___ Given records ___
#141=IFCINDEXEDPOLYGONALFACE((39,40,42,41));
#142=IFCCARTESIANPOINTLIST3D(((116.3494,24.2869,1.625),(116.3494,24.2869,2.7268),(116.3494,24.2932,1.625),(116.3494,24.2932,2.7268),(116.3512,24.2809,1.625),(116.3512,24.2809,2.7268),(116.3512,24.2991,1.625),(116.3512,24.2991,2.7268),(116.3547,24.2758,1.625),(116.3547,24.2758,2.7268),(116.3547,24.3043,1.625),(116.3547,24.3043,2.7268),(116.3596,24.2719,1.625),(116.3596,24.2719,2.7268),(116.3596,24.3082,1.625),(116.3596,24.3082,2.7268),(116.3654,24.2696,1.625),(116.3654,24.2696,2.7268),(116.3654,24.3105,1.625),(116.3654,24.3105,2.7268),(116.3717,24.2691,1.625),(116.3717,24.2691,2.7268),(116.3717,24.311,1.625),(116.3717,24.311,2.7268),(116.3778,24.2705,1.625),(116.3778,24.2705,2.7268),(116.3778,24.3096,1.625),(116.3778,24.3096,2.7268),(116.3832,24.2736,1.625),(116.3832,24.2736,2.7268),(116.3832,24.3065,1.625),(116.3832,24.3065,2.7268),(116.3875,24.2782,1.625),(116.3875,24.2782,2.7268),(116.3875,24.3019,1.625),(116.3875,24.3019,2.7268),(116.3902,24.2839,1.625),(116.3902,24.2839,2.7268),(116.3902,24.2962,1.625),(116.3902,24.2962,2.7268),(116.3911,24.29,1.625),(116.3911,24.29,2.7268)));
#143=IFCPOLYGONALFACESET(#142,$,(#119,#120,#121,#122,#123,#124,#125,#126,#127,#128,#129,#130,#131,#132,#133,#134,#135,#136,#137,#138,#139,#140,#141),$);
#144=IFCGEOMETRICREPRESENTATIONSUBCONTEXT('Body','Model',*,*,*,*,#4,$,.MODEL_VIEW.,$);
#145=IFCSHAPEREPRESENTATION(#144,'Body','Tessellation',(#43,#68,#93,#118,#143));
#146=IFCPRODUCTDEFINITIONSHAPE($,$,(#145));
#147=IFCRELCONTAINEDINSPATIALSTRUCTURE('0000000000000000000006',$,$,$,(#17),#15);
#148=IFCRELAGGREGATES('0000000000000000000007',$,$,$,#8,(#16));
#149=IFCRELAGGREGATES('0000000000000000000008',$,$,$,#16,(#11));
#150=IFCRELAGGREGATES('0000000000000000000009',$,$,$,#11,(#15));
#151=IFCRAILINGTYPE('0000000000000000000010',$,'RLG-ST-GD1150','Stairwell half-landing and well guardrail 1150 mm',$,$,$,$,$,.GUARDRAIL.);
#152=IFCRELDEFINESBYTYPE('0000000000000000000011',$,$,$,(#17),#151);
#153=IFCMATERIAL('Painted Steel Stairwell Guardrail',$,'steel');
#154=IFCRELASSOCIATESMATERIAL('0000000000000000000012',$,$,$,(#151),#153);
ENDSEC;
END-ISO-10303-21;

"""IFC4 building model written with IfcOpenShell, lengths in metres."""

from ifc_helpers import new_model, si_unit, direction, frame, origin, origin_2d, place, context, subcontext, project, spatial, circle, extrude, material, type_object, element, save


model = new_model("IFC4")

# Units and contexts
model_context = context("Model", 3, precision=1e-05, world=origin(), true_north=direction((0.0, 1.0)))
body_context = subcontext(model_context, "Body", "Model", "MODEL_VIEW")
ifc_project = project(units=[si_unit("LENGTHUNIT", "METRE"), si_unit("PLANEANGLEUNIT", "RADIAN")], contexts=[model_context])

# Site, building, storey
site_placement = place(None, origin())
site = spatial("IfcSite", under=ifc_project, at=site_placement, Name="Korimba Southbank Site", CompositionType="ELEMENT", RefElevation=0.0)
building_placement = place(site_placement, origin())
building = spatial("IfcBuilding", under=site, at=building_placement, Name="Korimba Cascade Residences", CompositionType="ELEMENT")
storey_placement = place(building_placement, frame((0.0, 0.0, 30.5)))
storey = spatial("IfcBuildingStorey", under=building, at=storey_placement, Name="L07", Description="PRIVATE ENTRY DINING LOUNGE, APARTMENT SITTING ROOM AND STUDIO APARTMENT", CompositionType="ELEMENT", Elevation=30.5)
___
__What is expected__. Every line between the one that contains "# Units and contexts" and the last line of the listing, both included, should be retyped exactly, with nothing else added.

__Written answer__.
# Units and contexts
model_context = context("Model", 3, precision=1e-05, world=origin(), true_north=direction((0.0, 1.0)))
body_context = subcontext(model_context, "Body", "Model", "MODEL_VIEW")
ifc_project = project(units=[si_unit("LENGTHUNIT", "METRE"), si_unit("PLANEANGLEUNIT", "RADIAN")], contexts=[model_context])

# Site, building, storey
site_placement = place(None, origin())
site = spatial("IfcSite", under=ifc_project, at=site_placement, Name="Korimba Southbank Site", CompositionType="ELEMENT", RefElevation=0.0)
building_placement = place(site_placement, origin())
building = spatial("IfcBuilding", under=site, at=building_placement, Name="Korimba Cascade Residences", CompositionType="ELEMENT")
storey_placement = place(building_placement, frame((0.0, 0.0, 30.5)))
storey = spatial("IfcBuildingStorey", under=building, at=storey_placement, Name="L07", Description="PRIVATE ENTRY DINING LOUNGE, APARTMENT SITTING ROOM AND STUDIO APARTMENT", CompositionType="ELEMENT", Elevation=30.5)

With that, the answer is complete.